◆ **TASK**:
Lines below that include "HANDRAIL" are the answer; copy each one.

Segment Start: RECORDED DATA

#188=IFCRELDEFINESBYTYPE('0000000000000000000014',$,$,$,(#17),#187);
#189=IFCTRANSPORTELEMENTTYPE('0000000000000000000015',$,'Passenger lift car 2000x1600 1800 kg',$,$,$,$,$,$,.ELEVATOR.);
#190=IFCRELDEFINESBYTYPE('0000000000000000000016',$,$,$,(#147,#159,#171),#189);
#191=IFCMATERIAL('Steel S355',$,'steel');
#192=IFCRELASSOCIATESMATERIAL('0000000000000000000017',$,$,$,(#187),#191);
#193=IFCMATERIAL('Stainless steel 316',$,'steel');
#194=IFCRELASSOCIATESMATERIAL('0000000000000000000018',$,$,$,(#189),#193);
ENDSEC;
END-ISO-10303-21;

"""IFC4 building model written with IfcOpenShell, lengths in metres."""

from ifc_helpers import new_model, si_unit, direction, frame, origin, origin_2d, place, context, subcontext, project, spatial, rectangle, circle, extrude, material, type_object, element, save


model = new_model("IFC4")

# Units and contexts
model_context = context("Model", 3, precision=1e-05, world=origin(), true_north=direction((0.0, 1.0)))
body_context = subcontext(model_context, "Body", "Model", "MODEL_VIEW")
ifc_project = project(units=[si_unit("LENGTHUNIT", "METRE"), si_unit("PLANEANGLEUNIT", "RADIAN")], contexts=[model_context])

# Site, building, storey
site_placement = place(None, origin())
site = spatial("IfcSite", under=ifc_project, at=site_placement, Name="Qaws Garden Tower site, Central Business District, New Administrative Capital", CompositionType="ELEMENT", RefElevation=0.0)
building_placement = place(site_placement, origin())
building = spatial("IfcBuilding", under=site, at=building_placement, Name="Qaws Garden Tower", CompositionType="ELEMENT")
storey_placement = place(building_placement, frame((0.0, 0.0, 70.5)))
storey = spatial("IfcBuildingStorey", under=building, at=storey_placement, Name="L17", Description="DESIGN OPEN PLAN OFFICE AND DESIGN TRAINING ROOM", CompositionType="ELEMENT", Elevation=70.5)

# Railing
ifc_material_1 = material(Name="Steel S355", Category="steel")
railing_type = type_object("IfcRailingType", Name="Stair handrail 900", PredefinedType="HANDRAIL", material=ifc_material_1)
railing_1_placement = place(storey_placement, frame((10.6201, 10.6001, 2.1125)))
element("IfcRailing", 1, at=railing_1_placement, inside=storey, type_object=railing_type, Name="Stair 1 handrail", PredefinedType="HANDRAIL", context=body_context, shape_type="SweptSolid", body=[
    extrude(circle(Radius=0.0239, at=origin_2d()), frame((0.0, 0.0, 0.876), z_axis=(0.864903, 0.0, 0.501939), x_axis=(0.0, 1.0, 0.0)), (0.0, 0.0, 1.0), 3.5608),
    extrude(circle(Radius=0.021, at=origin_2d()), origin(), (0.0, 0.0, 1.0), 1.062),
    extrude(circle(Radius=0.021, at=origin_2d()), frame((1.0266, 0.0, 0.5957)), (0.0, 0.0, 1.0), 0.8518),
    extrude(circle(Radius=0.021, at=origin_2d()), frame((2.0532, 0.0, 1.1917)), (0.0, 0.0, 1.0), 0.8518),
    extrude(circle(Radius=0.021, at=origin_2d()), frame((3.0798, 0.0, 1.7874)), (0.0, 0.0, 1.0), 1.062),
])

Segment End: RECORDED DATA

◆ **RESULT BELOW**:
railing_type = type_object("IfcRailingType", Name="Stair handrail 900", PredefinedType="HANDRAIL", material=ifc_material_1)
element("IfcRailing", 1, at=railing_1_placement, inside=storey, type_object=railing_type, Name="Stair 1 handrail", PredefinedType="HANDRAIL", context=body_context, shape_type="SweptSolid", body=[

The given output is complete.